* INSTRUCTIONS FOR THE TASK
Lines from the entries below that hold "IFCPOLYGONALFACESET" form the answer; copy all of them.

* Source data
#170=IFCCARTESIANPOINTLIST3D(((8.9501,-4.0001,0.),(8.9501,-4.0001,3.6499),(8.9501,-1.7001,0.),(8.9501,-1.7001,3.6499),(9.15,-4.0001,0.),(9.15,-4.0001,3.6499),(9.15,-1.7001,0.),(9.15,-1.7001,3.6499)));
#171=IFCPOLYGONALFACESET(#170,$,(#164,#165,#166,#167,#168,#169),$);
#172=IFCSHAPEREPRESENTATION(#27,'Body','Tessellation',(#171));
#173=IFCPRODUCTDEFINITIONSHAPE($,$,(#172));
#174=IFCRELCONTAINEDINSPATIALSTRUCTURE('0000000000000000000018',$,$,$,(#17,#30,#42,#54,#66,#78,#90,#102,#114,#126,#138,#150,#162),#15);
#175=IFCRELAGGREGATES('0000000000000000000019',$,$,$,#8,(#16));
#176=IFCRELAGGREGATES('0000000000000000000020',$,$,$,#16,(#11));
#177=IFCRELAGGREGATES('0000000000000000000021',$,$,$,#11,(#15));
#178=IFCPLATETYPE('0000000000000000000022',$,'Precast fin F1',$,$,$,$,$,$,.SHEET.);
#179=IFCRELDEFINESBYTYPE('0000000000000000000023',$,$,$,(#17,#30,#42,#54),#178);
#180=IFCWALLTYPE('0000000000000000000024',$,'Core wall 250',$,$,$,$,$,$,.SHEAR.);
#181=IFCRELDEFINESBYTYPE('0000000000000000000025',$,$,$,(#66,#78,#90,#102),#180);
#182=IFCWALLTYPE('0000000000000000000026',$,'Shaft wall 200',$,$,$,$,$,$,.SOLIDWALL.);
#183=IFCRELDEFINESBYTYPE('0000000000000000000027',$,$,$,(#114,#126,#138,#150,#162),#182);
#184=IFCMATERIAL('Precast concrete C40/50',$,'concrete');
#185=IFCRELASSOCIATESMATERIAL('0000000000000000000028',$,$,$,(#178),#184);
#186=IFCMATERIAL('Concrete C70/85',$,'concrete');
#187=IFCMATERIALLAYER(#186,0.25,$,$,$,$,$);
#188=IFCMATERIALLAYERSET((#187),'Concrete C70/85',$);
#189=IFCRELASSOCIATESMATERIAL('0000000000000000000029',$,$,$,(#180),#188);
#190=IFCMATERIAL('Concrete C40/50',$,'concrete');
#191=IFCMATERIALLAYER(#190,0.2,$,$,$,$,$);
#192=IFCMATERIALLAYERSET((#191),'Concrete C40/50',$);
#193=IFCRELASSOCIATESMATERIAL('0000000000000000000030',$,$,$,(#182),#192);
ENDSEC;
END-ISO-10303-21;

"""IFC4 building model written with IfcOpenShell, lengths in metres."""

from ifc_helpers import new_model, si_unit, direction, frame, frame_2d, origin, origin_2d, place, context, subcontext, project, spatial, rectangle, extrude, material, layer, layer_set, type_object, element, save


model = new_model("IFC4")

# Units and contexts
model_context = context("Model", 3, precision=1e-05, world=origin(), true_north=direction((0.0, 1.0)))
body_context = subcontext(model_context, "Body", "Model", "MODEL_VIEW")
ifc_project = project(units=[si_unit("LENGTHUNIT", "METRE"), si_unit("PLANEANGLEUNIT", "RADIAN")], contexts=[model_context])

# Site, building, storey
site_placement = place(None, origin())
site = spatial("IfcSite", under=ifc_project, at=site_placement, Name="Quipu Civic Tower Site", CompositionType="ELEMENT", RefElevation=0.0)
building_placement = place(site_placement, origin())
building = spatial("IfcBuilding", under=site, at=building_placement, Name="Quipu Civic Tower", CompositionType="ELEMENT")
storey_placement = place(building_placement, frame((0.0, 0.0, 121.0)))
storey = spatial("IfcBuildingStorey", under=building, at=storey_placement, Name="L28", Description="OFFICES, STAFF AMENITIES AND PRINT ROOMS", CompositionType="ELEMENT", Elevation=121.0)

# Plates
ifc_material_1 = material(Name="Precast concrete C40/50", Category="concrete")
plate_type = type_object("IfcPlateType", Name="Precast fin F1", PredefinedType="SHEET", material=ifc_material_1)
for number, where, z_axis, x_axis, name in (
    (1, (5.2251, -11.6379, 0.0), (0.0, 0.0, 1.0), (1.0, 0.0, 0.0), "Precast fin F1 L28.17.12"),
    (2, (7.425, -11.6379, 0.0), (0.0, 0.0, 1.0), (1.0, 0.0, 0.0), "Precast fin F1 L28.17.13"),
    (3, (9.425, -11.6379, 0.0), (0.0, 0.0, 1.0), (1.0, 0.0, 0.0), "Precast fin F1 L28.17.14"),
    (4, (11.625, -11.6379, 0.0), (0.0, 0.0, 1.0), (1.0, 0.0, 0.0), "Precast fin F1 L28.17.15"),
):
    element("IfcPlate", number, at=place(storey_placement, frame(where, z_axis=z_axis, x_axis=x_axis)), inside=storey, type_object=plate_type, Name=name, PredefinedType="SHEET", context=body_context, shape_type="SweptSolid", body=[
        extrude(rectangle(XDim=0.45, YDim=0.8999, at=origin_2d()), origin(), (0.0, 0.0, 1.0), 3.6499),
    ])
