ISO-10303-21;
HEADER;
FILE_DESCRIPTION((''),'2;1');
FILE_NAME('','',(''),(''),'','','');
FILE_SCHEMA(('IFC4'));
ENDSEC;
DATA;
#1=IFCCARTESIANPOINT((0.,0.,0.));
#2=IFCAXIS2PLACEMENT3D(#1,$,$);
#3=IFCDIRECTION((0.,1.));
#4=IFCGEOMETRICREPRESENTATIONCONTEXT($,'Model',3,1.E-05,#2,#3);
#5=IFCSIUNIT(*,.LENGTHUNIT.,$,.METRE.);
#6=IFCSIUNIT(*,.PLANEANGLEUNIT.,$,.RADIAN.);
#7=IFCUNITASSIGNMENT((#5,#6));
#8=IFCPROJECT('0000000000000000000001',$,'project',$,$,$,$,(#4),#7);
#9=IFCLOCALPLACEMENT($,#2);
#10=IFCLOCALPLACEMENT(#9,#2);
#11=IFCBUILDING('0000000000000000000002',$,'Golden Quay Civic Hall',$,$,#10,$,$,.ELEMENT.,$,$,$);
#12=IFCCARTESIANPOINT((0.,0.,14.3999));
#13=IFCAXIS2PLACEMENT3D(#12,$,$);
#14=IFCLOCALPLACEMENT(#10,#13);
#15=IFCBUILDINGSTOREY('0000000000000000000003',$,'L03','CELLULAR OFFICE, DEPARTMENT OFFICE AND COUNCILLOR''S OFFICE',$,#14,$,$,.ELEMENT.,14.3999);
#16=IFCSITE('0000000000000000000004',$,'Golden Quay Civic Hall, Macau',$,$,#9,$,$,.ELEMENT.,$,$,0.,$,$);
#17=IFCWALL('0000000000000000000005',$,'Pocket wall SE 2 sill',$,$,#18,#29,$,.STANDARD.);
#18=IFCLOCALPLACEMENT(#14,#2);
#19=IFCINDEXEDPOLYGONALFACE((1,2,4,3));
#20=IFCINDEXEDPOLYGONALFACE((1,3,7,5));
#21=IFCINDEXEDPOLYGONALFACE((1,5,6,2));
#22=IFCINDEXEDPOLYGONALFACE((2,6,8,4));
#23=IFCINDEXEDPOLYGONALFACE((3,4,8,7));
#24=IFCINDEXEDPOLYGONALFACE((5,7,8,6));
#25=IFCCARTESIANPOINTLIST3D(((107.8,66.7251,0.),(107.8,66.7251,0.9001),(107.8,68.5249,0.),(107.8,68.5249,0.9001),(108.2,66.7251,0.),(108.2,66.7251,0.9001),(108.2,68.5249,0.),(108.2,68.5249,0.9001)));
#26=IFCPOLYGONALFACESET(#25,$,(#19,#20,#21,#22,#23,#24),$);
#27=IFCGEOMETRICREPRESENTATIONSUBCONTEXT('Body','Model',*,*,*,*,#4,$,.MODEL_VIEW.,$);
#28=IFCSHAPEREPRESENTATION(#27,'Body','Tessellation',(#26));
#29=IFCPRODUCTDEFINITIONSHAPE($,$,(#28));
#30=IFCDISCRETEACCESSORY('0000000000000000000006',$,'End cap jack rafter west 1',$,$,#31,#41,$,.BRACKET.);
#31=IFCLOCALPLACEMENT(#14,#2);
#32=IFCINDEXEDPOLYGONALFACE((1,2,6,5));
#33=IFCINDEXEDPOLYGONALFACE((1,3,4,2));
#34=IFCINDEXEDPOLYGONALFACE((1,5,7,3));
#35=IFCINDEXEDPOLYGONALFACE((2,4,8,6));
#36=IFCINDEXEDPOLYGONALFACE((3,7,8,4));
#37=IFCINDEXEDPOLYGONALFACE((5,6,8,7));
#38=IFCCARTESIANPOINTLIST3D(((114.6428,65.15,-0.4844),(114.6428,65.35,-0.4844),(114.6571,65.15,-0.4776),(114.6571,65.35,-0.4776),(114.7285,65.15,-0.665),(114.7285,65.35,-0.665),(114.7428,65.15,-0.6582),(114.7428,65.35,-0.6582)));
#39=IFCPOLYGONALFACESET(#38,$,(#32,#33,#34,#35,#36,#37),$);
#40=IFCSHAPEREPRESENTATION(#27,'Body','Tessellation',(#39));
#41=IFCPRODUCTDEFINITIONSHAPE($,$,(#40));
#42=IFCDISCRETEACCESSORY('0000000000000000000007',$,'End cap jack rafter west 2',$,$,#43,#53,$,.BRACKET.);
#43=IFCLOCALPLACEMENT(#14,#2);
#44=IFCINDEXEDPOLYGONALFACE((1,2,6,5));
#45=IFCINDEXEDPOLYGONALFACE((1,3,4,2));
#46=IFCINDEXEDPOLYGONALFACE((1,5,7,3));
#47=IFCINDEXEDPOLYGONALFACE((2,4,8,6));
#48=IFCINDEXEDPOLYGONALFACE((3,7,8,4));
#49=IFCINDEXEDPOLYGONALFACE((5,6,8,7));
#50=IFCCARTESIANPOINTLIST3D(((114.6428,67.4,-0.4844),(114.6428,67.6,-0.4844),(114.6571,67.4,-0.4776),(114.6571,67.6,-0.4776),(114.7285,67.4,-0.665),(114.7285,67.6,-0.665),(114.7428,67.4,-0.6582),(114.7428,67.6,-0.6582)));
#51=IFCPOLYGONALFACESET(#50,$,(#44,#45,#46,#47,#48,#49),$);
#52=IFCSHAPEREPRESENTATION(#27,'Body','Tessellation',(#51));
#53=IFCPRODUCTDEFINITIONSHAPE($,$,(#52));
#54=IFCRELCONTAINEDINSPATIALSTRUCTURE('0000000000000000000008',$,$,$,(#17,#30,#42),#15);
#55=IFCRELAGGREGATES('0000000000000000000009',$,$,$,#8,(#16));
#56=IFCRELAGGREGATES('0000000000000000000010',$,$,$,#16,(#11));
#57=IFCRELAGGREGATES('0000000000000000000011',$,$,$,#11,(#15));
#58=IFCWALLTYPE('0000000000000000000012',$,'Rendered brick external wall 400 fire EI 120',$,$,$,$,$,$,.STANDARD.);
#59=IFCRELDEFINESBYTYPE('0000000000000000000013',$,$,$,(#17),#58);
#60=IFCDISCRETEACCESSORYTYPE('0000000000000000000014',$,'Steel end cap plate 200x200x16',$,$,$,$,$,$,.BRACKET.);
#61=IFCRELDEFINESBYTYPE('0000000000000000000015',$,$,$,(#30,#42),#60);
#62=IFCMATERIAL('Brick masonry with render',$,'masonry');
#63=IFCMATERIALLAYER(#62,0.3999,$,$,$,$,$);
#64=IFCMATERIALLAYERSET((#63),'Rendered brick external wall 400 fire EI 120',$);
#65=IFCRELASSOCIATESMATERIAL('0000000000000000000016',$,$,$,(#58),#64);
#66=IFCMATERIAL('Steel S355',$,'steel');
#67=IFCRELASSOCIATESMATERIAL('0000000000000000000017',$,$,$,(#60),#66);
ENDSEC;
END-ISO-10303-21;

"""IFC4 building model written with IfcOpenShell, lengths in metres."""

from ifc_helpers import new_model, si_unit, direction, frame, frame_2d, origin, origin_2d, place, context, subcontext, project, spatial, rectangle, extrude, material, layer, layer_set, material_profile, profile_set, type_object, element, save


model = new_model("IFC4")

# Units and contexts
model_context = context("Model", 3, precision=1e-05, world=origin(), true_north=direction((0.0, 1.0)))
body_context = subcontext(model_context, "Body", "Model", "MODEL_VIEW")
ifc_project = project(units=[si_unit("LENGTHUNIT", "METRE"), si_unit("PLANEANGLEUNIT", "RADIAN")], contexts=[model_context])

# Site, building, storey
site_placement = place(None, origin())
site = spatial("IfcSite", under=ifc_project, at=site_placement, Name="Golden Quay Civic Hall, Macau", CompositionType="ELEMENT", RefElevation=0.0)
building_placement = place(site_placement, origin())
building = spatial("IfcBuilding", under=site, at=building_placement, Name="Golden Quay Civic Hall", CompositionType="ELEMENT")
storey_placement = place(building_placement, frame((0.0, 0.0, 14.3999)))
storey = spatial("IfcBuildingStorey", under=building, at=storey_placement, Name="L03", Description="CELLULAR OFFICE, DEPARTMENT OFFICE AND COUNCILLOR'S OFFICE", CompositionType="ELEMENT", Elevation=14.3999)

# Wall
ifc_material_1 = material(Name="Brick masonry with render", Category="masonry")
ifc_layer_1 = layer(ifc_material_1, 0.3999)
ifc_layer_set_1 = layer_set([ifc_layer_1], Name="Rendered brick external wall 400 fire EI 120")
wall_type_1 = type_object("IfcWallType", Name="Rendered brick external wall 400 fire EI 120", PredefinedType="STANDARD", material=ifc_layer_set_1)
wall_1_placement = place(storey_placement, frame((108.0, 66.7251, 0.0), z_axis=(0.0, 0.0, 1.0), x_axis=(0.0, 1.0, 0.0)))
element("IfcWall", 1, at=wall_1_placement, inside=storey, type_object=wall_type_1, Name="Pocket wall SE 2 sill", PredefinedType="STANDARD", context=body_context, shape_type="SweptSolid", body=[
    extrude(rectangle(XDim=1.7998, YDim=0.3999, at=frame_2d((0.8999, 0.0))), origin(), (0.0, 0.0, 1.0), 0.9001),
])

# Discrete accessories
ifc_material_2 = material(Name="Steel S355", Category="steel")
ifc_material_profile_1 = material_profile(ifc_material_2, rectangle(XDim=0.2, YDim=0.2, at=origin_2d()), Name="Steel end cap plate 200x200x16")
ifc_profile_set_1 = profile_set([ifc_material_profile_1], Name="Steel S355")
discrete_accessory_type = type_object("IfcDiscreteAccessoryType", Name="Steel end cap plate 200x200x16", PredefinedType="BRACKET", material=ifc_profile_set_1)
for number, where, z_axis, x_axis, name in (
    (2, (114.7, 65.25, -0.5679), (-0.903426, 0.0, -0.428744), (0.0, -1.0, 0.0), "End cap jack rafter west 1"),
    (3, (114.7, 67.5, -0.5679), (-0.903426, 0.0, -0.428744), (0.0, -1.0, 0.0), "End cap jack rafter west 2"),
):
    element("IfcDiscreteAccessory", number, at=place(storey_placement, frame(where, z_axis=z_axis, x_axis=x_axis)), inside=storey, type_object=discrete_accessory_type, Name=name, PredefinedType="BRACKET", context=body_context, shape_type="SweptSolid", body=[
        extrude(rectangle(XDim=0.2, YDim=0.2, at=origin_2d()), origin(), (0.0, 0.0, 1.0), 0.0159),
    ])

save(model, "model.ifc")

* ANSWER BOX
#171=IFCPOLYGONALFACESET(#170,$,(#164,#165,#166,#167,#168,#169),$);
#26=IFCPOLYGONALFACESET(#25,$,(#19,#20,#21,#22,#23,#24),$);
#39=IFCPOLYGONALFACESET(#38,$,(#32,#33,#34,#35,#36,#37),$);
#51=IFCPOLYGONALFACESET(#50,$,(#44,#45,#46,#47,#48,#49),$);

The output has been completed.